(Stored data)

>>>

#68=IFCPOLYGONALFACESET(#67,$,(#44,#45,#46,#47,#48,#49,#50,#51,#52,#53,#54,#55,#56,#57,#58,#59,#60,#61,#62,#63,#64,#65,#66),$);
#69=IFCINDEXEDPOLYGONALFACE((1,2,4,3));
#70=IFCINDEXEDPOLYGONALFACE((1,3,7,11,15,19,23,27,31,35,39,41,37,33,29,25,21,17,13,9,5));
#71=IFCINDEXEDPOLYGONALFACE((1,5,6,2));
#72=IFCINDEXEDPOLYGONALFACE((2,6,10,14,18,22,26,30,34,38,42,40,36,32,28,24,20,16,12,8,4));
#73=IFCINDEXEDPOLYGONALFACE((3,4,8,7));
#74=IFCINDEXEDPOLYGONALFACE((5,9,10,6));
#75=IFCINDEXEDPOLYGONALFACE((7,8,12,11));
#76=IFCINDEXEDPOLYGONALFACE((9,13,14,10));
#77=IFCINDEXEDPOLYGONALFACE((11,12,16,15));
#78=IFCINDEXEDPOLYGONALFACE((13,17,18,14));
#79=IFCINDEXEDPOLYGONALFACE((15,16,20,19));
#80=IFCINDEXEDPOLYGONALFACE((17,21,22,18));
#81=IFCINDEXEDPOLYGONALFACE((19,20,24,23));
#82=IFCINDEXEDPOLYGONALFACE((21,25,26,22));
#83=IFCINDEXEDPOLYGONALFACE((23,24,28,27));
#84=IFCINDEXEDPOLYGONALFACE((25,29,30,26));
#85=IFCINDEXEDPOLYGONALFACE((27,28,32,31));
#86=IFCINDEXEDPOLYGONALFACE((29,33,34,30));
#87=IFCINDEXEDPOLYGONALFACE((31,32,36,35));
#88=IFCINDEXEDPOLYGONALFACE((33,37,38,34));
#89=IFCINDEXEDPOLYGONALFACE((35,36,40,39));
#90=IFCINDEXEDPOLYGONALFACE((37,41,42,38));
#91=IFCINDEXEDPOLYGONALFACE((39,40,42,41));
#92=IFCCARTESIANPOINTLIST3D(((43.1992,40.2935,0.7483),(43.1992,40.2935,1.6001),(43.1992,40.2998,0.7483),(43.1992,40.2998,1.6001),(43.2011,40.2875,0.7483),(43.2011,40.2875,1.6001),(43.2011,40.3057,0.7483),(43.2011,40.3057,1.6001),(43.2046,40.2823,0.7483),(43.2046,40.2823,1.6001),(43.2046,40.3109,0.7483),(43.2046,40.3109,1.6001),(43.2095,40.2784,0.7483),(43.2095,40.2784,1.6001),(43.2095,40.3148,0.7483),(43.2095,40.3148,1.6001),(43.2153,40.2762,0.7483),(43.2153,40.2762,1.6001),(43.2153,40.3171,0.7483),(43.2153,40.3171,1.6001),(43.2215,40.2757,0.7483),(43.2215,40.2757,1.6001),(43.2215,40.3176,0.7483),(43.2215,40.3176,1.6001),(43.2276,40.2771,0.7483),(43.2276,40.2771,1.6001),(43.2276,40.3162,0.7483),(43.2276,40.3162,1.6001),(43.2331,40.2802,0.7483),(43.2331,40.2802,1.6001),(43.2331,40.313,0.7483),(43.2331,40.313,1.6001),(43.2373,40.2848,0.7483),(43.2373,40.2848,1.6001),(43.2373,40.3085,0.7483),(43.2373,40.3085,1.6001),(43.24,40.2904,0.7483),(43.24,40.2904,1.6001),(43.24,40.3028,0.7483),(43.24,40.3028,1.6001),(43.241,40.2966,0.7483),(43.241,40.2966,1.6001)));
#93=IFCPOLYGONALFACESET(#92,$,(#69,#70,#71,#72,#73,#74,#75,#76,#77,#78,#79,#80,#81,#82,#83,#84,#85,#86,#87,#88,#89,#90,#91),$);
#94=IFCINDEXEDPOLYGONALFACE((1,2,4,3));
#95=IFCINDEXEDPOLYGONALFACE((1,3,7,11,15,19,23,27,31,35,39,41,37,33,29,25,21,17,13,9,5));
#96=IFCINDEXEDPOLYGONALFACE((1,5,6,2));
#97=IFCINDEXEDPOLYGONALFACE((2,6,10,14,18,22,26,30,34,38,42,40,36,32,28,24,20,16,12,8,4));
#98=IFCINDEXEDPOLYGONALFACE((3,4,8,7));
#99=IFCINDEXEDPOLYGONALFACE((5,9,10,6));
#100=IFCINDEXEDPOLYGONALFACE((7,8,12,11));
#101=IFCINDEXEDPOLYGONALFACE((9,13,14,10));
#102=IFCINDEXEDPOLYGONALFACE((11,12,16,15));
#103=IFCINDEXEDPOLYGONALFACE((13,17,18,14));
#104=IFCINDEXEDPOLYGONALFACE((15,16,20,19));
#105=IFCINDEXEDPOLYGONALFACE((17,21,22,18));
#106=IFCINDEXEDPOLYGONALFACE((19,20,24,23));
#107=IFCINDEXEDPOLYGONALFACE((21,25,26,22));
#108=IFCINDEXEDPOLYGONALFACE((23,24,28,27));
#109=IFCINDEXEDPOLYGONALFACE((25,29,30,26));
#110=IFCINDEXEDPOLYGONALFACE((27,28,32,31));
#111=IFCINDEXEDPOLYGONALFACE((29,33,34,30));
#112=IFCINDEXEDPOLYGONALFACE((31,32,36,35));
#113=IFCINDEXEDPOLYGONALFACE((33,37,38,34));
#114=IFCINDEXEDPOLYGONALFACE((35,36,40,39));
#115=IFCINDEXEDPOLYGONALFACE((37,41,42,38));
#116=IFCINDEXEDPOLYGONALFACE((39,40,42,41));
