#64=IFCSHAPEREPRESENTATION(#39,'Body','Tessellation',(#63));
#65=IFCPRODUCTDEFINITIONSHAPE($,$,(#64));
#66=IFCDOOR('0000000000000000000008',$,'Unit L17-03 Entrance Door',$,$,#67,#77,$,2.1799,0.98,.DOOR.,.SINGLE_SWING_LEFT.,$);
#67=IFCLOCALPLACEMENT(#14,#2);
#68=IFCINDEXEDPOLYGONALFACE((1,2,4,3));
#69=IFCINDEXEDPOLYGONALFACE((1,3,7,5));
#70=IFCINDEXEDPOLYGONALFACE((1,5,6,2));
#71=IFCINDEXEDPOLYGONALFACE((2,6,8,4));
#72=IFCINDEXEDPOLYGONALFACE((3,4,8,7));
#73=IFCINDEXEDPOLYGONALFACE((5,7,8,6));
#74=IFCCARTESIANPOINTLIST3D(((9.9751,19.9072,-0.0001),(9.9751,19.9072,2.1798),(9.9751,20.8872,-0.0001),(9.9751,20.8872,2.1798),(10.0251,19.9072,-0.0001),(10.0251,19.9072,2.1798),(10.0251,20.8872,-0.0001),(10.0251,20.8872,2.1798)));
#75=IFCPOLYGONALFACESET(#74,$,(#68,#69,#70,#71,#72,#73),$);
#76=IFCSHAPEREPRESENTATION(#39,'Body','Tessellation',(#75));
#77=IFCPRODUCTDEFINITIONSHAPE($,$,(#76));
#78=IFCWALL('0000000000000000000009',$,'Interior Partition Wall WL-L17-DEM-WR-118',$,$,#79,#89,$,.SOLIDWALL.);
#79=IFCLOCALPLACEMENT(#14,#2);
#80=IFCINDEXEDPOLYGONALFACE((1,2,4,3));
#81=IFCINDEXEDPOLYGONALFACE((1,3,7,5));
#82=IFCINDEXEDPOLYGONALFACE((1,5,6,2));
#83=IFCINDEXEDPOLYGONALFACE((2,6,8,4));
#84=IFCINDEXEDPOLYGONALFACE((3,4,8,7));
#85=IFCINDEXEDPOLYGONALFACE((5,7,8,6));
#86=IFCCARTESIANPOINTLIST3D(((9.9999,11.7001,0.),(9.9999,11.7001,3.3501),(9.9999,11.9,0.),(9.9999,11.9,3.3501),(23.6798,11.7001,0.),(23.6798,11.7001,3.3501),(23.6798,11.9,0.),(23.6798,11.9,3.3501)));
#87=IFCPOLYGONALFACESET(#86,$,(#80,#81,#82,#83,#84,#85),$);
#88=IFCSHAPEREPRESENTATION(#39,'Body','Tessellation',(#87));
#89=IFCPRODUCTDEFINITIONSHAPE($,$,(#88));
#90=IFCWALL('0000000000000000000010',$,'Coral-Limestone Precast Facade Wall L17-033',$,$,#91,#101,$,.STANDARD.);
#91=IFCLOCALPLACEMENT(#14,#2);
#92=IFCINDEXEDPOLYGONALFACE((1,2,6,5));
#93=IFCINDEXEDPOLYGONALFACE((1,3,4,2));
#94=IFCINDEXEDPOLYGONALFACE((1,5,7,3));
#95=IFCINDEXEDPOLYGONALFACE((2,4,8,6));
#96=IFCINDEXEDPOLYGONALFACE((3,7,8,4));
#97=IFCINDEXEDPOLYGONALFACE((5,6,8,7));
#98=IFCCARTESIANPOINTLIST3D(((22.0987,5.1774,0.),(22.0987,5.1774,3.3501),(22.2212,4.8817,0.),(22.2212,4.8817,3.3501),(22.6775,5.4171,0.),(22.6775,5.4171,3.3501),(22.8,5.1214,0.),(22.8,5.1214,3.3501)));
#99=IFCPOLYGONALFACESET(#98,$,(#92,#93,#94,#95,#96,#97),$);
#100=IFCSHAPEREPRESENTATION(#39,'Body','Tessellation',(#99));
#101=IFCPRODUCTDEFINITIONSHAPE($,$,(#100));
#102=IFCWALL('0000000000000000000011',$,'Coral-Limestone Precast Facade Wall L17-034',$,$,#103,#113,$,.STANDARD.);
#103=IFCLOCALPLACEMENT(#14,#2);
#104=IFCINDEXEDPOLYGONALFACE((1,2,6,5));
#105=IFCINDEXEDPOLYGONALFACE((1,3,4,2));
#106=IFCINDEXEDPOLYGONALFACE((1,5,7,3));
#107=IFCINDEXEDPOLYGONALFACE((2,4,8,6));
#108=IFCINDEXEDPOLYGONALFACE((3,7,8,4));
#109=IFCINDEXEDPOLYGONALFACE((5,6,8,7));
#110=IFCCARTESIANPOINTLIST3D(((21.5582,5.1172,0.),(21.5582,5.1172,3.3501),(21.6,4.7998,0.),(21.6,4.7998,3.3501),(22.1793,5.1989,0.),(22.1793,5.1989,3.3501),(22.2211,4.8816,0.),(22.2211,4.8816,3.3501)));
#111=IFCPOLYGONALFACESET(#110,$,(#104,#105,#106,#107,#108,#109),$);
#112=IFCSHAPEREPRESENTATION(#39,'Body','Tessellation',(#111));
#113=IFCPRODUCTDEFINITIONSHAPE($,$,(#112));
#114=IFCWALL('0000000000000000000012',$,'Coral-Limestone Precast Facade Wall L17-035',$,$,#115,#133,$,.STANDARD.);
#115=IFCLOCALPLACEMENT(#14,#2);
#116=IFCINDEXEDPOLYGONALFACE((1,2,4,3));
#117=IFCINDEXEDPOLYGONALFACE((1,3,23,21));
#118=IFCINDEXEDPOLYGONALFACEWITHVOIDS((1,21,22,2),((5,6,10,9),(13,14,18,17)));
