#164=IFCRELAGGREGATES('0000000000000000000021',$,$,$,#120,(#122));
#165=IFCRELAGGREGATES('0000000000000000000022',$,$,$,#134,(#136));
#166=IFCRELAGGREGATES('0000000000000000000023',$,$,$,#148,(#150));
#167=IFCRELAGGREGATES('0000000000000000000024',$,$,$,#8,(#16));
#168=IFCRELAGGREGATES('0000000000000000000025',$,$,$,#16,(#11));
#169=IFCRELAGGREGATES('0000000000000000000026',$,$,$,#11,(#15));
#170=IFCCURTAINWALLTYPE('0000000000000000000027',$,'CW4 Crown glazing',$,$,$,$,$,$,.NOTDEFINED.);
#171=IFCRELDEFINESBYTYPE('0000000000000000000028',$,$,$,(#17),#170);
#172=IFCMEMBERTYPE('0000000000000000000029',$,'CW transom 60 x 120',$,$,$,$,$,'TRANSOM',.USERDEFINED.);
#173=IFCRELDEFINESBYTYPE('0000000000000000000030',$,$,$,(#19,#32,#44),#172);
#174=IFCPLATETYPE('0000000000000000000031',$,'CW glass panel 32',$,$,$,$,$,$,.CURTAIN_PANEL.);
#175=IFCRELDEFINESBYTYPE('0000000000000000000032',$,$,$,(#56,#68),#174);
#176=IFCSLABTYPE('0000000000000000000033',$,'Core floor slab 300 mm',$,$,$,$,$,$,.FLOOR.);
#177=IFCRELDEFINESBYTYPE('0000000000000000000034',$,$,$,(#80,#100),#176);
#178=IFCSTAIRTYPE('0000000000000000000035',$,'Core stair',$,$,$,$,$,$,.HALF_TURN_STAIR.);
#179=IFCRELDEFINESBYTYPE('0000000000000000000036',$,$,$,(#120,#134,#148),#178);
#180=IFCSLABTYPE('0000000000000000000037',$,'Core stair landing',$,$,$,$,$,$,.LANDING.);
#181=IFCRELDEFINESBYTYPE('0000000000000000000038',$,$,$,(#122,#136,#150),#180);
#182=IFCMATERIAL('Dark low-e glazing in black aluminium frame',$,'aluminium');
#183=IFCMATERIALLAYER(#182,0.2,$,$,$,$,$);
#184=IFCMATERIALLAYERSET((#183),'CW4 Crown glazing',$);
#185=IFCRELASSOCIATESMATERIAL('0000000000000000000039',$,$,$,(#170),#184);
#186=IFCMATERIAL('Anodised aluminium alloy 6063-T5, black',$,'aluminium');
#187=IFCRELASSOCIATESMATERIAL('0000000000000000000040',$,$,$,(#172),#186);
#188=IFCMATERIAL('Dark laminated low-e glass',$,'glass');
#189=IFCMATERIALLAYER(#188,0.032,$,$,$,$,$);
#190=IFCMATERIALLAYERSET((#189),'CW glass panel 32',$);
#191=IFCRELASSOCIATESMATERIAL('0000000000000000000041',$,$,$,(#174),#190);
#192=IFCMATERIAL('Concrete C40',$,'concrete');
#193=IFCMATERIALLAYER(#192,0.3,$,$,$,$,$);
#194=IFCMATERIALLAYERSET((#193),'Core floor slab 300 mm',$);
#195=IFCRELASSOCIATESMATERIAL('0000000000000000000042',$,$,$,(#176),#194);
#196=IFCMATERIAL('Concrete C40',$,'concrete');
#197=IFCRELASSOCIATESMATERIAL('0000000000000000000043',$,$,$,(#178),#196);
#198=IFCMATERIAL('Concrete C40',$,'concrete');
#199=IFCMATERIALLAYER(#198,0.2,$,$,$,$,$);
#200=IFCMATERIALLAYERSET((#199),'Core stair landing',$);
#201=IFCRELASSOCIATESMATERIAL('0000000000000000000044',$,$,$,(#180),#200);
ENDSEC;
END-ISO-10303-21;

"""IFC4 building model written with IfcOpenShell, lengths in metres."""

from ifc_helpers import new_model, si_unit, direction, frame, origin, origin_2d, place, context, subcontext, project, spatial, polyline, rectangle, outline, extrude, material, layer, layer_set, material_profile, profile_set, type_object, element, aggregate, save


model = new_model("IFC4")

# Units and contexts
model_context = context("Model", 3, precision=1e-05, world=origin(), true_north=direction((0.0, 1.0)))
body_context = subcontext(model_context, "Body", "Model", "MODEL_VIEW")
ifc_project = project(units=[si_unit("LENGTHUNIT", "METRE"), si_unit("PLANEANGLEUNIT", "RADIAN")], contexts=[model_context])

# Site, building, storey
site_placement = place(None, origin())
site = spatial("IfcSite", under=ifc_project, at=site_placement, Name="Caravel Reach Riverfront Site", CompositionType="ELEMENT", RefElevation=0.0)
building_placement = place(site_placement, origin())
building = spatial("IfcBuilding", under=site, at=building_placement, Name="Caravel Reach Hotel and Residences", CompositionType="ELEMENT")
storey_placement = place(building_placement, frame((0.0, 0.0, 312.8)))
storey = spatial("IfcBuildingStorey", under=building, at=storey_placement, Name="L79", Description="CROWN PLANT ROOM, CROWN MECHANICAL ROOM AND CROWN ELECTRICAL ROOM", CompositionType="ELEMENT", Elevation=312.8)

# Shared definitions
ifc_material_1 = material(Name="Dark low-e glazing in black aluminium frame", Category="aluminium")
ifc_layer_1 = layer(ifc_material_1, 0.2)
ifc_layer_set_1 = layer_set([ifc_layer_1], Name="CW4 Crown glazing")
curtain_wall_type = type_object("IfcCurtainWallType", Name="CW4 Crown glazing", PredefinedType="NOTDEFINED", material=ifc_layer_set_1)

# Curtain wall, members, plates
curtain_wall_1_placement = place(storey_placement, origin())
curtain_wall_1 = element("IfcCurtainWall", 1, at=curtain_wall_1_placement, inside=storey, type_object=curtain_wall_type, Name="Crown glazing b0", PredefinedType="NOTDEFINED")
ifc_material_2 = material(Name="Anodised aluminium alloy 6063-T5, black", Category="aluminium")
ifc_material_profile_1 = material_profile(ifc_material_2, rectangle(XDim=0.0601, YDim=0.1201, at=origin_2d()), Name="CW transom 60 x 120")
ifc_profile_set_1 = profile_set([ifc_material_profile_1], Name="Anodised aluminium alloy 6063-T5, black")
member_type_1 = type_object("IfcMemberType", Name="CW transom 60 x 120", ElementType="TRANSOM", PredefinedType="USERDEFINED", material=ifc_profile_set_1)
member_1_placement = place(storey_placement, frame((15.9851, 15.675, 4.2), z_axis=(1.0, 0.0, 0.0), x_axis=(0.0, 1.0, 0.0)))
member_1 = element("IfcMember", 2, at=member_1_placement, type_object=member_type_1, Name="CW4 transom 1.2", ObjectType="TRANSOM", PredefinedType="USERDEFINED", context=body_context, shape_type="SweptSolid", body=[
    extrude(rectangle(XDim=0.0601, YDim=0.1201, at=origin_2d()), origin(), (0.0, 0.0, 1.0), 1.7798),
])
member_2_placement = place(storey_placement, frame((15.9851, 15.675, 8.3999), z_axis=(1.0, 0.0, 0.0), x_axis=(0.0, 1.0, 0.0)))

<<<

● TASK OBJECTIVE: Each line holding the word "STANDARD" must be pulled from the records.

● RESULT OF THE EXERCISE:
#90=IFCWALL('0000000000000000000010',$,'Coral-Limestone Precast Facade Wall L17-033',$,$,#91,#101,$,.STANDARD.);
#102=IFCWALL('0000000000000000000011',$,'Coral-Limestone Precast Facade Wall L17-034',$,$,#103,#113,$,.STANDARD.);
#114=IFCWALL('0000000000000000000012',$,'Coral-Limestone Precast Facade Wall L17-035',$,$,#115,#133,$,.STANDARD.);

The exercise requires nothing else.